Copy out every line of the data that has the word "Radius" somewhere in it.

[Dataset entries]
>>>>>

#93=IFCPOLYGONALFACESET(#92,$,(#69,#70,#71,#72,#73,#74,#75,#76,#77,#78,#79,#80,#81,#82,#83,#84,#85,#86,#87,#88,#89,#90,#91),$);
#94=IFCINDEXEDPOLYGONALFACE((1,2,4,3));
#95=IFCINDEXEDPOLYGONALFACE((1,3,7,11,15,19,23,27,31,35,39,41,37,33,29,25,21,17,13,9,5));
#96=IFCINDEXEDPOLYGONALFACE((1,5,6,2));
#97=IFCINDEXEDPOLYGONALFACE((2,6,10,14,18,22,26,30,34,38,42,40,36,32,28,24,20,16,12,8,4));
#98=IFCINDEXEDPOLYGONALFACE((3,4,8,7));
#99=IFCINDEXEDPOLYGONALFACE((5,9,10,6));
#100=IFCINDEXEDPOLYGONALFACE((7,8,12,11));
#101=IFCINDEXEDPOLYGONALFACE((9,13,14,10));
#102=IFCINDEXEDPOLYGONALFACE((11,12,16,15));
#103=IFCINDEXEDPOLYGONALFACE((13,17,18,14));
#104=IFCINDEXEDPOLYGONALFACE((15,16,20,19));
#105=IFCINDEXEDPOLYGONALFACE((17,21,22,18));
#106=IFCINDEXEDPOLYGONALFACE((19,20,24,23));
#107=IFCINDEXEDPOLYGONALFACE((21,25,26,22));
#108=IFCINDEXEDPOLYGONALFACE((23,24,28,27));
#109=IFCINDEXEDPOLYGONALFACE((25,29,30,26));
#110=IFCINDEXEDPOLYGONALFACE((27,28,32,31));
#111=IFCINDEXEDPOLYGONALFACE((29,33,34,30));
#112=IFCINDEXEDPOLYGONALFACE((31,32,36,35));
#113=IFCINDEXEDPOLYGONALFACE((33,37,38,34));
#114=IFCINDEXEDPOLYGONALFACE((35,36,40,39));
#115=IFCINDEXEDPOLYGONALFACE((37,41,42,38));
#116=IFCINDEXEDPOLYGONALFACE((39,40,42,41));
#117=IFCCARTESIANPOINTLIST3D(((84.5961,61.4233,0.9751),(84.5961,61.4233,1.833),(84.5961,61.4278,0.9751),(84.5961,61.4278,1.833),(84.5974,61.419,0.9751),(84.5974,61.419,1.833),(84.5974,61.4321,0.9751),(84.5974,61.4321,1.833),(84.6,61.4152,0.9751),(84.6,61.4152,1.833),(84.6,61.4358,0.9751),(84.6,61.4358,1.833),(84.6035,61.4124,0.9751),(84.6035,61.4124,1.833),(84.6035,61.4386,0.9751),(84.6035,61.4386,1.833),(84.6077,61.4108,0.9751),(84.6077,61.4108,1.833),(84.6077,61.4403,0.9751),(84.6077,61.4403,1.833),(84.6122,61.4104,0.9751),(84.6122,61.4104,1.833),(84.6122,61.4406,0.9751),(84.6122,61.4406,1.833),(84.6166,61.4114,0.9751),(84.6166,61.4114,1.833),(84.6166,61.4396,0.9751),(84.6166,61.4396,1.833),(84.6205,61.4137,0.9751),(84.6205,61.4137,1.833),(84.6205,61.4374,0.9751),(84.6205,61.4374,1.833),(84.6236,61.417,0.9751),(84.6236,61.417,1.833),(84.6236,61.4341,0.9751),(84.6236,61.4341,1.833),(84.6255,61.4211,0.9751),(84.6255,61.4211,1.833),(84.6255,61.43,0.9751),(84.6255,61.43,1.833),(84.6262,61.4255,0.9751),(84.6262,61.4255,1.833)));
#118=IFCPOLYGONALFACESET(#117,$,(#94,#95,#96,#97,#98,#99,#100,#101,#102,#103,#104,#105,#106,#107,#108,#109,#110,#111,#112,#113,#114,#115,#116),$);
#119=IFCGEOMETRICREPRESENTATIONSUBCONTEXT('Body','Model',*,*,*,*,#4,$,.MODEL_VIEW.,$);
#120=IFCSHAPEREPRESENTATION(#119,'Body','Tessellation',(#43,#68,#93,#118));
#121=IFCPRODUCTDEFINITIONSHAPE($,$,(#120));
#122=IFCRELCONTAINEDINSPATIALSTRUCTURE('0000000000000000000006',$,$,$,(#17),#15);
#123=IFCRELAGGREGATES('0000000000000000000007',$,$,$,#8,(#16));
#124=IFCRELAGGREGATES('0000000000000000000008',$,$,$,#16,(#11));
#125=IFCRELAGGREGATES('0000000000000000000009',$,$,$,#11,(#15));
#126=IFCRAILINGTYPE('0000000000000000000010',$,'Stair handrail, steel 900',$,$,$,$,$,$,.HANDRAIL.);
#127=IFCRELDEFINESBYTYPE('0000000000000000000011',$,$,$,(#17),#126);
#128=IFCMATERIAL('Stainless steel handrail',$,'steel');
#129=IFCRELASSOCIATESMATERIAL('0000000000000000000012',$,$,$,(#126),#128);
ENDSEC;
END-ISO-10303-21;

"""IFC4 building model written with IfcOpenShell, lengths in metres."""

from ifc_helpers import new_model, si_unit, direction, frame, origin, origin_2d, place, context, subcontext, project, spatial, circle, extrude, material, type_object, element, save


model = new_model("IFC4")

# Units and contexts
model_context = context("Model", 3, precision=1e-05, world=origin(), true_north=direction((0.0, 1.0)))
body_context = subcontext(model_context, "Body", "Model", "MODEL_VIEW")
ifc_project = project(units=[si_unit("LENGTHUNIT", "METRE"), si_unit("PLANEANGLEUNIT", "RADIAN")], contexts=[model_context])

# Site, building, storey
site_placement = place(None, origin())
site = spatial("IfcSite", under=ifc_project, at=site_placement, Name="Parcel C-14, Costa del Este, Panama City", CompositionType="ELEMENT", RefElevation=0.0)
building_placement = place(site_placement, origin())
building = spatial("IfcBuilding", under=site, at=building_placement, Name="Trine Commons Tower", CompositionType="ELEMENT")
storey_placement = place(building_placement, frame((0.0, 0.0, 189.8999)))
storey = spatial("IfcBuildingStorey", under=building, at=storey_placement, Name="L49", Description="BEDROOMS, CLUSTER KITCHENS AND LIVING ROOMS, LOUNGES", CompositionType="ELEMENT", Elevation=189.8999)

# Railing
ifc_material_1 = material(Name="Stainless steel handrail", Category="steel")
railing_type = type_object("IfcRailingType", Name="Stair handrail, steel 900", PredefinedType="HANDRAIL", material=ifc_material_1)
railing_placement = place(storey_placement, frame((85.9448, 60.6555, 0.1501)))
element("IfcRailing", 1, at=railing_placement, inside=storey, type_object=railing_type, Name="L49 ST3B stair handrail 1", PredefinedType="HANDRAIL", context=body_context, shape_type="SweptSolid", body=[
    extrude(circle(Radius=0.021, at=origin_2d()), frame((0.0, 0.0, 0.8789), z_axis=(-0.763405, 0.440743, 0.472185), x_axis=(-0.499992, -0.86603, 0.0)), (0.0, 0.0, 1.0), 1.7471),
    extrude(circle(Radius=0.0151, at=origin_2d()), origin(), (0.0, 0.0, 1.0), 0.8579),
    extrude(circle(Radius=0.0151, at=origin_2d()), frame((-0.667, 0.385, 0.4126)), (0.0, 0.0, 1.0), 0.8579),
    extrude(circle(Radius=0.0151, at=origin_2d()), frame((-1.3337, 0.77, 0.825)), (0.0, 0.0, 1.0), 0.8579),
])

<<<<<

YOUR RESPONSE:
    extrude(circle(Radius=0.021, at=origin_2d()), frame((0.0, 0.0, 0.8789), z_axis=(-0.763405, 0.440743, 0.472185), x_axis=(-0.499992, -0.86603, 0.0)), (0.0, 0.0, 1.0), 1.7471),
    extrude(circle(Radius=0.0151, at=origin_2d()), origin(), (0.0, 0.0, 1.0), 0.8579),
    extrude(circle(Radius=0.0151, at=origin_2d()), frame((-0.667, 0.385, 0.4126)), (0.0, 0.0, 1.0), 0.8579),
    extrude(circle(Radius=0.0151, at=origin_2d()), frame((-1.3337, 0.77, 0.825)), (0.0, 0.0, 1.0), 0.8579),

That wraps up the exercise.